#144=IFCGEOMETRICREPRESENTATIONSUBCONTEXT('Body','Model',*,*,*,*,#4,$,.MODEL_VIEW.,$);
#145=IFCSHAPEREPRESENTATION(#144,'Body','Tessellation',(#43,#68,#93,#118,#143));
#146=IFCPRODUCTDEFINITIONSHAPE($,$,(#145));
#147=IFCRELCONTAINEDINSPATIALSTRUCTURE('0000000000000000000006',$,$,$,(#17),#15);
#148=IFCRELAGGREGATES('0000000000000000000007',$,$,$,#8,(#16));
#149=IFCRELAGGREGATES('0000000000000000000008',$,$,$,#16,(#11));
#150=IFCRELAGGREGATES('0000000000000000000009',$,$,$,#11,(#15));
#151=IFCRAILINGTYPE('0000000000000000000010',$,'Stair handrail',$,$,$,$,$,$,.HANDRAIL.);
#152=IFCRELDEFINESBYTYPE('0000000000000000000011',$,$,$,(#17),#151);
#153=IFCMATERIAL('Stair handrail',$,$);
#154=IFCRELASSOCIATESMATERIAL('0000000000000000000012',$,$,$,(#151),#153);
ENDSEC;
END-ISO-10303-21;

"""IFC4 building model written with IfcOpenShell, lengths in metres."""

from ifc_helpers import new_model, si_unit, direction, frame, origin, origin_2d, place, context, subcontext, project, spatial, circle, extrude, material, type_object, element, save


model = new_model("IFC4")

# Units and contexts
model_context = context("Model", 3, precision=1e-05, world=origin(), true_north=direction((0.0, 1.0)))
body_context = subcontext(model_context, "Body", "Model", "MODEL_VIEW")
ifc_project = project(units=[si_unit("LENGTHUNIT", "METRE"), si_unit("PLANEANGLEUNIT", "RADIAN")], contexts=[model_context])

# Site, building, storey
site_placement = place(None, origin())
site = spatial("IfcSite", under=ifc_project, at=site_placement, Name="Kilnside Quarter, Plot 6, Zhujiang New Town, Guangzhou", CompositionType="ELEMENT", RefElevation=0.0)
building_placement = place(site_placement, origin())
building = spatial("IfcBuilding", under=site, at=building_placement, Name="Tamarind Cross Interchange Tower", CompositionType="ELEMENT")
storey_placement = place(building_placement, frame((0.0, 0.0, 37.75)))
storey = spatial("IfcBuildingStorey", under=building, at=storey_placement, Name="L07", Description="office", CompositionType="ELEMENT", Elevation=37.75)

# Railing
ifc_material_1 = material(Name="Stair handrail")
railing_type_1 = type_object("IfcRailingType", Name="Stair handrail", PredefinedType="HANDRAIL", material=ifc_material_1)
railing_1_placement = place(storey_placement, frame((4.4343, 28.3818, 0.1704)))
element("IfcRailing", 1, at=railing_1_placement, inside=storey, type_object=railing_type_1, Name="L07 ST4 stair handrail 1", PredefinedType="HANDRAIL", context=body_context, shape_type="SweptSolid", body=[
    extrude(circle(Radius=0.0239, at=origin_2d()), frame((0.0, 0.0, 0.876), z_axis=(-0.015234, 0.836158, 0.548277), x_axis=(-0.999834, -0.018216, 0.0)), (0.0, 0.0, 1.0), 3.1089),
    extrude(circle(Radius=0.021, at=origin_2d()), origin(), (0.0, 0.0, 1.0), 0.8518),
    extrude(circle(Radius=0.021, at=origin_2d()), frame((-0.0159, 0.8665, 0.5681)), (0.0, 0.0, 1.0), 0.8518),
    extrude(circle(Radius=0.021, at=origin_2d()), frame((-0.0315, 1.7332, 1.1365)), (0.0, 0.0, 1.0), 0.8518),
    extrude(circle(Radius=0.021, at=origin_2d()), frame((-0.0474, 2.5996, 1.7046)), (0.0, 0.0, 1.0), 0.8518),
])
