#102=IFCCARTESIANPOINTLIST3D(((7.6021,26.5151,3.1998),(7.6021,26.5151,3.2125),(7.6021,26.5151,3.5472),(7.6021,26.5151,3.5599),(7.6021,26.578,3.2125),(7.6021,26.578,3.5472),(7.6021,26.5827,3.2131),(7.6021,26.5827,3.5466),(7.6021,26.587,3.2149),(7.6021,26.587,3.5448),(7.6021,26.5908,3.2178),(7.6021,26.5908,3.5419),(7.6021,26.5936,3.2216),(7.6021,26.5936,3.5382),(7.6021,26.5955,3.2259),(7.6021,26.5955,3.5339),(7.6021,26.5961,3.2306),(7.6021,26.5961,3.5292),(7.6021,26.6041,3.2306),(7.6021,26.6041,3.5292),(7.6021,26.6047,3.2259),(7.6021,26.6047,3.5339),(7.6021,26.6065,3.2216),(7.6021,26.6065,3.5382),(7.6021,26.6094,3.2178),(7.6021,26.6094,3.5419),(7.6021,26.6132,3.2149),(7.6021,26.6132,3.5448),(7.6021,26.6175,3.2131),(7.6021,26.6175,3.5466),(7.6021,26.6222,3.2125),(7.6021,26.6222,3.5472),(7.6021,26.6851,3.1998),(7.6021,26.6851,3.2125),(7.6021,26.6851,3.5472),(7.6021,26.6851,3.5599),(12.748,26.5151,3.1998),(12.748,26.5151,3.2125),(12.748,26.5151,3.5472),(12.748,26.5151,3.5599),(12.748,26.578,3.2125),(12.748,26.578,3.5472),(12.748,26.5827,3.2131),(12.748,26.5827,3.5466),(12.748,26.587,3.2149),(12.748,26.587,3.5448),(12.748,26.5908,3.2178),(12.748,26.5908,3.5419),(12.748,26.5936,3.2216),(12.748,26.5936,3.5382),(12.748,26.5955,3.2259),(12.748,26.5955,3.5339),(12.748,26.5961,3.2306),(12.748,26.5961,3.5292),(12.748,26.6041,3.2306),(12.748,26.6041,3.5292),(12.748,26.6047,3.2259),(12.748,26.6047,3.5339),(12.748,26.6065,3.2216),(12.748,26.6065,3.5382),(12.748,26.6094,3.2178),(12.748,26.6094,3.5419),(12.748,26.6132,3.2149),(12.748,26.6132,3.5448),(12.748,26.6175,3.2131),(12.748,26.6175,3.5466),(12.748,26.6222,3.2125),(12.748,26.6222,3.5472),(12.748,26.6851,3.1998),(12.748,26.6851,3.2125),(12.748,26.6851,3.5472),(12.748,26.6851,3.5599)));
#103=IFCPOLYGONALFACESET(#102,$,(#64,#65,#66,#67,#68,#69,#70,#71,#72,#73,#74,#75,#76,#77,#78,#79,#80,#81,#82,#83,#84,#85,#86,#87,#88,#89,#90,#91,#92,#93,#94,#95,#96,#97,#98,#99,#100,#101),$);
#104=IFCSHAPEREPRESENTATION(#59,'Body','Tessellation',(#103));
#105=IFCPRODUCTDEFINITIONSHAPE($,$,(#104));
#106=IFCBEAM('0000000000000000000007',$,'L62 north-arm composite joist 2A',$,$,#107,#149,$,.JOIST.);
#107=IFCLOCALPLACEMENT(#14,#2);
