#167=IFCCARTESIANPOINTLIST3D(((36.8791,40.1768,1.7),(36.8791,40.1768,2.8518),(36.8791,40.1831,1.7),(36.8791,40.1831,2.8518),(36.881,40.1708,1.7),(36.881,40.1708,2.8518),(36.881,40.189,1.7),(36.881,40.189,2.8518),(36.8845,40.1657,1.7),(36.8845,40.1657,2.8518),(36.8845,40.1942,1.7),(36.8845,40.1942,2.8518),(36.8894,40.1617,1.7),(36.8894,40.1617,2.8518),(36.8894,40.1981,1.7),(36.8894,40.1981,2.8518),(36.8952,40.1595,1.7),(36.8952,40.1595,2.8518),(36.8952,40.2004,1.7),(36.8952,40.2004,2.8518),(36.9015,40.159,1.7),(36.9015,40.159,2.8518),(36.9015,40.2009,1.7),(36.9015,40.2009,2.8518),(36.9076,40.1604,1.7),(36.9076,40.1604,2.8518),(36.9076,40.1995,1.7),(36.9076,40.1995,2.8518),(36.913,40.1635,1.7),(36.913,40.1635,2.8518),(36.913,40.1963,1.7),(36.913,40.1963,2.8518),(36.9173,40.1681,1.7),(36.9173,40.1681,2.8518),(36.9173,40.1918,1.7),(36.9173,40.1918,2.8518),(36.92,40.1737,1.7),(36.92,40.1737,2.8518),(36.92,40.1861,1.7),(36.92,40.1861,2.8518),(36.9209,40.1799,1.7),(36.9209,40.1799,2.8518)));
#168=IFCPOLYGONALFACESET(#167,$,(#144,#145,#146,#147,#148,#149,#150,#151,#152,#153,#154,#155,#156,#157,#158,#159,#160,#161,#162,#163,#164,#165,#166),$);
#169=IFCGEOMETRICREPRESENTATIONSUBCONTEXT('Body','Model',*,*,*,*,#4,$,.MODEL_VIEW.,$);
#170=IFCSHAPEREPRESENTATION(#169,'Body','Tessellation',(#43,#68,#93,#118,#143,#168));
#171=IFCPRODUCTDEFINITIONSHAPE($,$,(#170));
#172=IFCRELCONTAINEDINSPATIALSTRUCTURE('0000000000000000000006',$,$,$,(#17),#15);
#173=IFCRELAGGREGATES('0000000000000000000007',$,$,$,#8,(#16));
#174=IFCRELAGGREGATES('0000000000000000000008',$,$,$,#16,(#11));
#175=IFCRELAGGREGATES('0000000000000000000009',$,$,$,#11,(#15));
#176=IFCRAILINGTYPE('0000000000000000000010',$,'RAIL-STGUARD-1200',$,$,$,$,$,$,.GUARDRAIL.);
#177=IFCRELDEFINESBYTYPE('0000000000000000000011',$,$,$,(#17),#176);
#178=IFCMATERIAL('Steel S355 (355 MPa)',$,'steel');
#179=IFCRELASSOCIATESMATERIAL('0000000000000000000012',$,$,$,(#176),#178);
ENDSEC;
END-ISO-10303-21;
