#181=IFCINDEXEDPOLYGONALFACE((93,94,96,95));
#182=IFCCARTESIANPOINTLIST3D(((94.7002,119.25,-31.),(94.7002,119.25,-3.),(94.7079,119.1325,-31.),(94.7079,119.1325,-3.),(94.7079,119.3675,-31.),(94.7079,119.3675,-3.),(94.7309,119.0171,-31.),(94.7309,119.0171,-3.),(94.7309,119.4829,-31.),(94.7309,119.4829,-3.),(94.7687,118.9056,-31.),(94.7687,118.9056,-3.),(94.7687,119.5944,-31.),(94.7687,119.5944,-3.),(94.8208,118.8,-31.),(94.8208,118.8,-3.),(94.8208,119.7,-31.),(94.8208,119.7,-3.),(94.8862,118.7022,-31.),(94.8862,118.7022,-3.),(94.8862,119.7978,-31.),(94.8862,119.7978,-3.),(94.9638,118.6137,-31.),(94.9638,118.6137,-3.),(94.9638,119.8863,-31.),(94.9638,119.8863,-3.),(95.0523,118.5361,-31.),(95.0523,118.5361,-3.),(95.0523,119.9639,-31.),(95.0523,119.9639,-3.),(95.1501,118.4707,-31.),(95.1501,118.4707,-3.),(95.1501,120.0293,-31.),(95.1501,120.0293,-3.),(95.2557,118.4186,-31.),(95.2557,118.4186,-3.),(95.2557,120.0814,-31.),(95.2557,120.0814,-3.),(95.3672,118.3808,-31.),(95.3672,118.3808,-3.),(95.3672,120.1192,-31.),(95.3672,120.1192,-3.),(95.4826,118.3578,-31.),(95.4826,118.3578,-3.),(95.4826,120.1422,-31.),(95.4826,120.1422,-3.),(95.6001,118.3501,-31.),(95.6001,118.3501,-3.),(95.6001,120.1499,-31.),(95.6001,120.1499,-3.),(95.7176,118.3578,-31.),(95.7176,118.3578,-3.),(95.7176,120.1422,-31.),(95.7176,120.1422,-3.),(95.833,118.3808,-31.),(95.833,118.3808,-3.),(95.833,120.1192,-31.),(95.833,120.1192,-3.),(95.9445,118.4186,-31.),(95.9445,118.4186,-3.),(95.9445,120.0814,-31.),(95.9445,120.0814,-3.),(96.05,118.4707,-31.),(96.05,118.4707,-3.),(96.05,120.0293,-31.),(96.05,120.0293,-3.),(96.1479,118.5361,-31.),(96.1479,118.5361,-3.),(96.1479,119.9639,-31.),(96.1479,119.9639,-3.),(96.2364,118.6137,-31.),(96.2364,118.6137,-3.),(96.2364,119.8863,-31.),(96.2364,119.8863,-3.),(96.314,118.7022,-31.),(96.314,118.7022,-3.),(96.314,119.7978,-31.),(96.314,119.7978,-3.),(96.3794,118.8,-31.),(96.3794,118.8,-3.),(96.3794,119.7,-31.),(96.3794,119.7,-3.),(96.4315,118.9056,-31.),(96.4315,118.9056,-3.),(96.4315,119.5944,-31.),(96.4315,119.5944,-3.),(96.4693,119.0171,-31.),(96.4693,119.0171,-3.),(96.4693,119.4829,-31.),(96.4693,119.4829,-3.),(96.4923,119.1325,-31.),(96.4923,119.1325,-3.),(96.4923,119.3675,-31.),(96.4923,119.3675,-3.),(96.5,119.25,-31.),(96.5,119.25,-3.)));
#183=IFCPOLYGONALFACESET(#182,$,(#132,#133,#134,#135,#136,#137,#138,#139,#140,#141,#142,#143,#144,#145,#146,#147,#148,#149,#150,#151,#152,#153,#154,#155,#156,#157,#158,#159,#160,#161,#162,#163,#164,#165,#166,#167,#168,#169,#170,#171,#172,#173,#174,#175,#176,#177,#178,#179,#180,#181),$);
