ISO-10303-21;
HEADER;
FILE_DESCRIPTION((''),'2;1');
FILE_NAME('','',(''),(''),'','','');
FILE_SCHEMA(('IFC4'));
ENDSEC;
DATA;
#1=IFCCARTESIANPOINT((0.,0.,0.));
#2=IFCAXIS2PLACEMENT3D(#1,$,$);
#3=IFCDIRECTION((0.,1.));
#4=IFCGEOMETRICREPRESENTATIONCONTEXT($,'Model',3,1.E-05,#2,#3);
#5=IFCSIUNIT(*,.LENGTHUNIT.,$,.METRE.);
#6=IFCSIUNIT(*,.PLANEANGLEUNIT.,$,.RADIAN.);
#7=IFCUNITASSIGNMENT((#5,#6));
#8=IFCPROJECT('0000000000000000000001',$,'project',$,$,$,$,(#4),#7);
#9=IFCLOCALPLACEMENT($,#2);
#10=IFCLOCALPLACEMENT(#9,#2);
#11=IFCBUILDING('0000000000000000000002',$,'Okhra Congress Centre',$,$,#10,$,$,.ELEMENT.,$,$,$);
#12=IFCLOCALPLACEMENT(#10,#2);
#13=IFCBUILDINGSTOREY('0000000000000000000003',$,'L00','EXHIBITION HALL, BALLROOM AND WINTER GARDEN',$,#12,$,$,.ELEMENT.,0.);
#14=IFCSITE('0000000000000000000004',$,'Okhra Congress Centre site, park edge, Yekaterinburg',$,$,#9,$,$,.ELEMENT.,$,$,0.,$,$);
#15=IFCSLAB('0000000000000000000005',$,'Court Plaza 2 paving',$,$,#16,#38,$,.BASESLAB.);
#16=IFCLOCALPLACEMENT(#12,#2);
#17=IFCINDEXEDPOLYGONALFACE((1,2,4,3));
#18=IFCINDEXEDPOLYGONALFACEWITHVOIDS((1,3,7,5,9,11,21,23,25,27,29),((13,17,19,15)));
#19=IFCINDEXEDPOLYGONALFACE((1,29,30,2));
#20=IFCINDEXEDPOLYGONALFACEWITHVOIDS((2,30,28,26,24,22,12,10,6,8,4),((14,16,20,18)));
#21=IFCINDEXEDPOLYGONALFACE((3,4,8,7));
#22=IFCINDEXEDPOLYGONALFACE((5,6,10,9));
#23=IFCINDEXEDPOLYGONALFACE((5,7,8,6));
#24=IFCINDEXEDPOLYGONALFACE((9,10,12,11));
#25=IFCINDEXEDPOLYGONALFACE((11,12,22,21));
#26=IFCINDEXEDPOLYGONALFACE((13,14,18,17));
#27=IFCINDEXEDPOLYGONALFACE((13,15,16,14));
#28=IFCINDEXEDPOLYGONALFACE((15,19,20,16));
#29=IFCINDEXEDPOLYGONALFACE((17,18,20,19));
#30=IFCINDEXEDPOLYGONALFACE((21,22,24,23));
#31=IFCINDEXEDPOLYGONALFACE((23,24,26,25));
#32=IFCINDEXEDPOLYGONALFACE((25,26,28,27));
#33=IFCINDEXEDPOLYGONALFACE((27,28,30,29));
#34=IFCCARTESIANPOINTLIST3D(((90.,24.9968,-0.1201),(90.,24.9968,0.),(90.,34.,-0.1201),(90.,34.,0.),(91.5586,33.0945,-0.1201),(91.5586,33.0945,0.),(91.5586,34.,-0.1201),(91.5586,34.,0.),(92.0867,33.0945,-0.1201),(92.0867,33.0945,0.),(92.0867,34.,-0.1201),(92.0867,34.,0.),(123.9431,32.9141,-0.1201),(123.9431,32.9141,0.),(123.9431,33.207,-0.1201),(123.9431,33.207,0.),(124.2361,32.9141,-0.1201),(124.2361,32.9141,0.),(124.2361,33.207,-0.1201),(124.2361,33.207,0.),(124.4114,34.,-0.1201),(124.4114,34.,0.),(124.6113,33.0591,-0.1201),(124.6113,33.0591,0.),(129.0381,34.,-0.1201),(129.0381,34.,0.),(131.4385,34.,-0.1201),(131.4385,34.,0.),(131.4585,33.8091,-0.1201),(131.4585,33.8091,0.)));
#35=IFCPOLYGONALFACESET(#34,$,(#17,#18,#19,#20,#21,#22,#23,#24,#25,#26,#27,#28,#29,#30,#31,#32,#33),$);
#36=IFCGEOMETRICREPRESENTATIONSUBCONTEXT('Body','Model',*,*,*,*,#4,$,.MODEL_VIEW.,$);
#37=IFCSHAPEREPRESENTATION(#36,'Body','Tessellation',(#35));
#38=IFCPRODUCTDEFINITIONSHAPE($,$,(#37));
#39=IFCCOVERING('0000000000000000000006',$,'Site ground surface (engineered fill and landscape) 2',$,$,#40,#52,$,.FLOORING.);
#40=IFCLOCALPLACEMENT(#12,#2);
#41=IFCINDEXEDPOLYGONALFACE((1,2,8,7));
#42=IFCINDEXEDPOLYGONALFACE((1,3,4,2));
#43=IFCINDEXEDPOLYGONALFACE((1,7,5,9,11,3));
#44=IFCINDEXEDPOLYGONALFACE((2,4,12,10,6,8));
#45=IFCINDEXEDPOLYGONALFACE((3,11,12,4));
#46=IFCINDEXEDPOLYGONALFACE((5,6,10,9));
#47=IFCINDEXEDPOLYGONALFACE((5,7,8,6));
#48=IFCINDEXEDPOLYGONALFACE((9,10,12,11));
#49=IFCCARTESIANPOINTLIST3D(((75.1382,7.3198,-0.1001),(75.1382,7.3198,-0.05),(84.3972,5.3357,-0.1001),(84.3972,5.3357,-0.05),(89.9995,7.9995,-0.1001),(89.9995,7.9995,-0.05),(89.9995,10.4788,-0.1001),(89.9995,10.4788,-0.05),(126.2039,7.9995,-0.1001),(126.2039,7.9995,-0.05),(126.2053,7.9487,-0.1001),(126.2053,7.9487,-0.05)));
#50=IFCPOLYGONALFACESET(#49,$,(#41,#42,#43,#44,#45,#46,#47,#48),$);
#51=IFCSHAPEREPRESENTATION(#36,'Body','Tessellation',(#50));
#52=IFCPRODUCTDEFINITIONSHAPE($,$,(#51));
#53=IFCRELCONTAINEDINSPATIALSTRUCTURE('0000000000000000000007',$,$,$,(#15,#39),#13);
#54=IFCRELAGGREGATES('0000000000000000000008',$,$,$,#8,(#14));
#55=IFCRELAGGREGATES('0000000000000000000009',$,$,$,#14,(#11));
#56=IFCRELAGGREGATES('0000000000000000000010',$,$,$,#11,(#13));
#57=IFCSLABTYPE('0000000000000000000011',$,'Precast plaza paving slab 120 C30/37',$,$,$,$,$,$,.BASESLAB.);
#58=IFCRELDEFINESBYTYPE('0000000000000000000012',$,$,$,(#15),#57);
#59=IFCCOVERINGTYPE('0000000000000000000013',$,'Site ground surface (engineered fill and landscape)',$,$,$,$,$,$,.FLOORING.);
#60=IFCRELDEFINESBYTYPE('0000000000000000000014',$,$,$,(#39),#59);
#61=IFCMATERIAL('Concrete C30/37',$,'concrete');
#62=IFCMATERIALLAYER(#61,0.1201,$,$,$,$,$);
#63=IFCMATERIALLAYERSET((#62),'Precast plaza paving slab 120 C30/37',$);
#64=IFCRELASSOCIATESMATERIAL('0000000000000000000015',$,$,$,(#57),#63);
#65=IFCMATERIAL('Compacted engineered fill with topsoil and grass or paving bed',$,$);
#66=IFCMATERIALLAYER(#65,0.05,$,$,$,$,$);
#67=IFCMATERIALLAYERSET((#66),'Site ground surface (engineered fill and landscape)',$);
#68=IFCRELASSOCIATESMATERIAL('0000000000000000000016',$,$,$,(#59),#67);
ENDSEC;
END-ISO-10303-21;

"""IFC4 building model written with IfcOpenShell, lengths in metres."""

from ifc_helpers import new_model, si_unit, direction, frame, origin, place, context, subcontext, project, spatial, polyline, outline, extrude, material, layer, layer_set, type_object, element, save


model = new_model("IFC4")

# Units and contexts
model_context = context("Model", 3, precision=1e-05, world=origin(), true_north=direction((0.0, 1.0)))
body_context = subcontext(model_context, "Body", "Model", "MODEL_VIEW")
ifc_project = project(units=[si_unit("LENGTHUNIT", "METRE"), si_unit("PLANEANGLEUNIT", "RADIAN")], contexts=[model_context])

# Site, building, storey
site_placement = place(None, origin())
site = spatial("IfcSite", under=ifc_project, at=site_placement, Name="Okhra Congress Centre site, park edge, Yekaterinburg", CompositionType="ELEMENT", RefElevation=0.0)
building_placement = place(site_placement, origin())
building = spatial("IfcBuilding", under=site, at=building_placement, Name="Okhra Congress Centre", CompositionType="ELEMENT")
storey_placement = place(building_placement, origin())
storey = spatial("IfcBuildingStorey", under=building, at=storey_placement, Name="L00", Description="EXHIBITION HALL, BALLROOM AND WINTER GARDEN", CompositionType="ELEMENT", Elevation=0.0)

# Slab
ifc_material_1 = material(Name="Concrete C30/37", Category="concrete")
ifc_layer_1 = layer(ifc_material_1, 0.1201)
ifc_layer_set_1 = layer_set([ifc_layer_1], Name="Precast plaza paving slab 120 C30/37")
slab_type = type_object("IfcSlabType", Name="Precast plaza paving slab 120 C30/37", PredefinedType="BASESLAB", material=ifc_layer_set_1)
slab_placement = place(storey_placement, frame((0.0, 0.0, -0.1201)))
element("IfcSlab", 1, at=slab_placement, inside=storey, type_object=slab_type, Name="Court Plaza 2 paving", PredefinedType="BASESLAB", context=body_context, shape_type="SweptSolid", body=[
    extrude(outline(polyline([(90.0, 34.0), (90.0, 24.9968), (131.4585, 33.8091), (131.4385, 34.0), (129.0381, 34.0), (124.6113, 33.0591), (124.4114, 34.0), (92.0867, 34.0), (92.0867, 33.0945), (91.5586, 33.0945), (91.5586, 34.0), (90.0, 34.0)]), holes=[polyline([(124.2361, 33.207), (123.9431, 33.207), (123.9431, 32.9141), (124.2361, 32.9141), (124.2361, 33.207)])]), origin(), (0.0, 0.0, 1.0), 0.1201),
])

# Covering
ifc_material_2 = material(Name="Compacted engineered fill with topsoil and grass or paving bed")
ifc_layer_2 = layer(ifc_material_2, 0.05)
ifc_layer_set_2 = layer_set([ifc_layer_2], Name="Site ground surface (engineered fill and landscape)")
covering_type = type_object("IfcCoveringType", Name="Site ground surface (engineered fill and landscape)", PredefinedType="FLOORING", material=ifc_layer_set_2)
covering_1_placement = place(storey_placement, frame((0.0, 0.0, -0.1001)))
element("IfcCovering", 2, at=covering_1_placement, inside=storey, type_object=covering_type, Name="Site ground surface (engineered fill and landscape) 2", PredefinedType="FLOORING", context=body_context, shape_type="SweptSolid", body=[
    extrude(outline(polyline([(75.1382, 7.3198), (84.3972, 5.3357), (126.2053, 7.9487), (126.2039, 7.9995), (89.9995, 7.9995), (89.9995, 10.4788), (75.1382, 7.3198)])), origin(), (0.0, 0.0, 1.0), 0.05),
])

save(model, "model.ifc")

▸ **WHAT YOU WILL DO**: Above are the records. Identify each line that contains the word "IFCPRODUCTDEFINITIONSHAPE".

▸ **OUTPUT OF THE TASK**:
#146=IFCPRODUCTDEFINITIONSHAPE($,$,(#145));
#105=IFCPRODUCTDEFINITIONSHAPE($,$,(#104));
#171=IFCPRODUCTDEFINITIONSHAPE($,$,(#170));
#38=IFCPRODUCTDEFINITIONSHAPE($,$,(#37));
#52=IFCPRODUCTDEFINITIONSHAPE($,$,(#51));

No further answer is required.